SUPPLIED RECORDS |

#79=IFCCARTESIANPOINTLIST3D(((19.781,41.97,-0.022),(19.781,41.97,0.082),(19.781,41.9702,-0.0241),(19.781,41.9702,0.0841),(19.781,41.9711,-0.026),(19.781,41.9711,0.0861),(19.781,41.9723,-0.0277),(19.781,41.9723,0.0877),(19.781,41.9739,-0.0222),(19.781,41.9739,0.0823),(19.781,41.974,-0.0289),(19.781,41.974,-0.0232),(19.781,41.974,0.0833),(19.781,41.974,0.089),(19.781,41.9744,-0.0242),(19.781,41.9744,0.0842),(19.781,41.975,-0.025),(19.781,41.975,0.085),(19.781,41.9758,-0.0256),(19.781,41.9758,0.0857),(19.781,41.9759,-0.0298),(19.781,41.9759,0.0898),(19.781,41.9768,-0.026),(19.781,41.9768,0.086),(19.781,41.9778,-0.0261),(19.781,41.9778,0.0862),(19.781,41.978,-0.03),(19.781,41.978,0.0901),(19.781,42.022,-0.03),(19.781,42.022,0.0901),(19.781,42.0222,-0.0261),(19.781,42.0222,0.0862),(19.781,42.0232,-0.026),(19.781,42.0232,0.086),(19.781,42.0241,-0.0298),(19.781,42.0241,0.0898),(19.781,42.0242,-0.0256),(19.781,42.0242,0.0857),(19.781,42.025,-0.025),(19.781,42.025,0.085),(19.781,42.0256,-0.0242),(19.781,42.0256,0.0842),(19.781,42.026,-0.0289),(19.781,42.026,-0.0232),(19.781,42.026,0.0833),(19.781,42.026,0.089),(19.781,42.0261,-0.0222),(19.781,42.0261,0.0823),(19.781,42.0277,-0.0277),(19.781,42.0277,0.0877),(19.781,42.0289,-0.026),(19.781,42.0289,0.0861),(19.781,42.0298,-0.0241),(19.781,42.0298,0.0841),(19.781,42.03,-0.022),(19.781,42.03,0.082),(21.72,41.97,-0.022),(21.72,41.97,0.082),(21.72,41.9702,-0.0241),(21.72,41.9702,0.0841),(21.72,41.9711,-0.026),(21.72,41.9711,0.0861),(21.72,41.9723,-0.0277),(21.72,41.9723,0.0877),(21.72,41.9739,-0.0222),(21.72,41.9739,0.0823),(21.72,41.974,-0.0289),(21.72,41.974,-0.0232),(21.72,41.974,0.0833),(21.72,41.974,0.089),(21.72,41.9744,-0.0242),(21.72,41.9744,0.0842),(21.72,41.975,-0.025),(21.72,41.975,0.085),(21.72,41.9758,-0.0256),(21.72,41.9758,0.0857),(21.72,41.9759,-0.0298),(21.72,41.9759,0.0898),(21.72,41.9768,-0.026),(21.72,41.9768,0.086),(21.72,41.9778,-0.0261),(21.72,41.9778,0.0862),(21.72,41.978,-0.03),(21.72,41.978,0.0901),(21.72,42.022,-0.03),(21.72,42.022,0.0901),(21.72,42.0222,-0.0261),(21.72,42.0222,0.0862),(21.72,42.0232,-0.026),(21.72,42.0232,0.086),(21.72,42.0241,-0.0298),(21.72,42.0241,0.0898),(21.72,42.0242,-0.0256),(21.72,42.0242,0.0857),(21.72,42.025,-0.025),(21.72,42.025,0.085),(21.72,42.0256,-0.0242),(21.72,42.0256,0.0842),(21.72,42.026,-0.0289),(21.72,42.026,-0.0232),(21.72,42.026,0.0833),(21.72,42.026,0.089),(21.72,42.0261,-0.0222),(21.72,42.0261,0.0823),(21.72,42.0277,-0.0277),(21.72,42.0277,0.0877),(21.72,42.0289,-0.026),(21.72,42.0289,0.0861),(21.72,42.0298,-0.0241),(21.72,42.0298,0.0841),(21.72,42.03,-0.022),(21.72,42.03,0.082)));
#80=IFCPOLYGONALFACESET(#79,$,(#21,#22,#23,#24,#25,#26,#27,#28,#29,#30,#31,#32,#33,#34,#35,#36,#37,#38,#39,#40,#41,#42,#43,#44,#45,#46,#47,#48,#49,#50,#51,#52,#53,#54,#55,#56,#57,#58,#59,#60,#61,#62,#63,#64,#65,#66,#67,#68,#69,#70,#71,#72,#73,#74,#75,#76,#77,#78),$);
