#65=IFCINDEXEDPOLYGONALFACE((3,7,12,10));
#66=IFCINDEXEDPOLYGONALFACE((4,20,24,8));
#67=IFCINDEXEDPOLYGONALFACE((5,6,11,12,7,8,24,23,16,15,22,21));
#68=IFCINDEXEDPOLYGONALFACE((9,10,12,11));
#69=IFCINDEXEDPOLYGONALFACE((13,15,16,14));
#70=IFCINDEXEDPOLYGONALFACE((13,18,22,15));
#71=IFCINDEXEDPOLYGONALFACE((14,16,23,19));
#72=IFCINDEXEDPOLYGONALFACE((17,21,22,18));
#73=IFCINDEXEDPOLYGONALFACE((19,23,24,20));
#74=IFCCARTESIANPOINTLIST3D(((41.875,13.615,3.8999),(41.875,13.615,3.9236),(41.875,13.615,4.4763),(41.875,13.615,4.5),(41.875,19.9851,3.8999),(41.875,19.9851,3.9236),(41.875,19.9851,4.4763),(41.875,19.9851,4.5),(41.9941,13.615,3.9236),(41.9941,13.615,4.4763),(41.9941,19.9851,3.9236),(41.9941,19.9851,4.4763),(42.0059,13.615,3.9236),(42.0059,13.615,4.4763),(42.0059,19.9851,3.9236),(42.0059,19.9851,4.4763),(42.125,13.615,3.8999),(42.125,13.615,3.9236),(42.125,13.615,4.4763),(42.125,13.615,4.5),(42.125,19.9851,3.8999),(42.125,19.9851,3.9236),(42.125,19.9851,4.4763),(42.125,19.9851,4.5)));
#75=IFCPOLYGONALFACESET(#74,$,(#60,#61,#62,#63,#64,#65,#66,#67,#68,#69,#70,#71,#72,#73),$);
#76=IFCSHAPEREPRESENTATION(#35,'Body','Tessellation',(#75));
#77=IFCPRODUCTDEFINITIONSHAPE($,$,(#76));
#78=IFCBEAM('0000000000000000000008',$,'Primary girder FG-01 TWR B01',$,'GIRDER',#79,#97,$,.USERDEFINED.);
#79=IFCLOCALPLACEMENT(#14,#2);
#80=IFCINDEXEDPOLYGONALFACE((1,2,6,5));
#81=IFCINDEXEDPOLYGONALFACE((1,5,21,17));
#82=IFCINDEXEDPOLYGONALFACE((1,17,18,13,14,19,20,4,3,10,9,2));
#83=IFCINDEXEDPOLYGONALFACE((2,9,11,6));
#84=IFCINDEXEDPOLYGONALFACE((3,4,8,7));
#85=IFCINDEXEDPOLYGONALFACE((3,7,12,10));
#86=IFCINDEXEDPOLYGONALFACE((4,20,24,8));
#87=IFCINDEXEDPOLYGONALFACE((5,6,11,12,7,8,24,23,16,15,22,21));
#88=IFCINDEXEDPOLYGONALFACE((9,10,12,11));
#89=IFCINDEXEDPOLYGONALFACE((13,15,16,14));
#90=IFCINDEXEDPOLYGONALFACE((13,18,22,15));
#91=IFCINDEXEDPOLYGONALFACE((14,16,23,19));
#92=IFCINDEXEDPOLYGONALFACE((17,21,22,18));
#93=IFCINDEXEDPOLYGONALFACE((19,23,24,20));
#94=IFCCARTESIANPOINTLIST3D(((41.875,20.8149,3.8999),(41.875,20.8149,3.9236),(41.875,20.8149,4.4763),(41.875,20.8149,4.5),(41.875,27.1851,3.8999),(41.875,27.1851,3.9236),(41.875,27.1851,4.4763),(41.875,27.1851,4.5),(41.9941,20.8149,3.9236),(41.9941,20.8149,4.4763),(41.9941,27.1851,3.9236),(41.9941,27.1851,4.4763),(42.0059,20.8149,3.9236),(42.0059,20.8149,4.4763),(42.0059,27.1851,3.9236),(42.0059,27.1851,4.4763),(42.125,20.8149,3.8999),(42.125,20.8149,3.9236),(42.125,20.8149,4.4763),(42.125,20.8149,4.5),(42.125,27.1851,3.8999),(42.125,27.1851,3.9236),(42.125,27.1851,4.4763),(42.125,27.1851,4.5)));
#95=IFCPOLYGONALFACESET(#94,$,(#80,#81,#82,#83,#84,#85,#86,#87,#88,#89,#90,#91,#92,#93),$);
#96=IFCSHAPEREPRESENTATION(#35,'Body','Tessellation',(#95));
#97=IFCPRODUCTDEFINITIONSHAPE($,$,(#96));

PROBLEM TO SOLVE |
The expected output is exactly the lines of the listing above between the line holding "#78=IFCBEAM('0000000000000000000008',$,'Primary girder FG-01" and the line holding "#81=IFCINDEXEDPOLYGONALFACE((1,5,21,17));", inclusive.

ANSWER FOR THE TASK |
#78=IFCBEAM('0000000000000000000008',$,'Primary girder FG-01 TWR B01',$,'GIRDER',#79,#97,$,.USERDEFINED.);
#79=IFCLOCALPLACEMENT(#14,#2);
#80=IFCINDEXEDPOLYGONALFACE((1,2,6,5));
#81=IFCINDEXEDPOLYGONALFACE((1,5,21,17));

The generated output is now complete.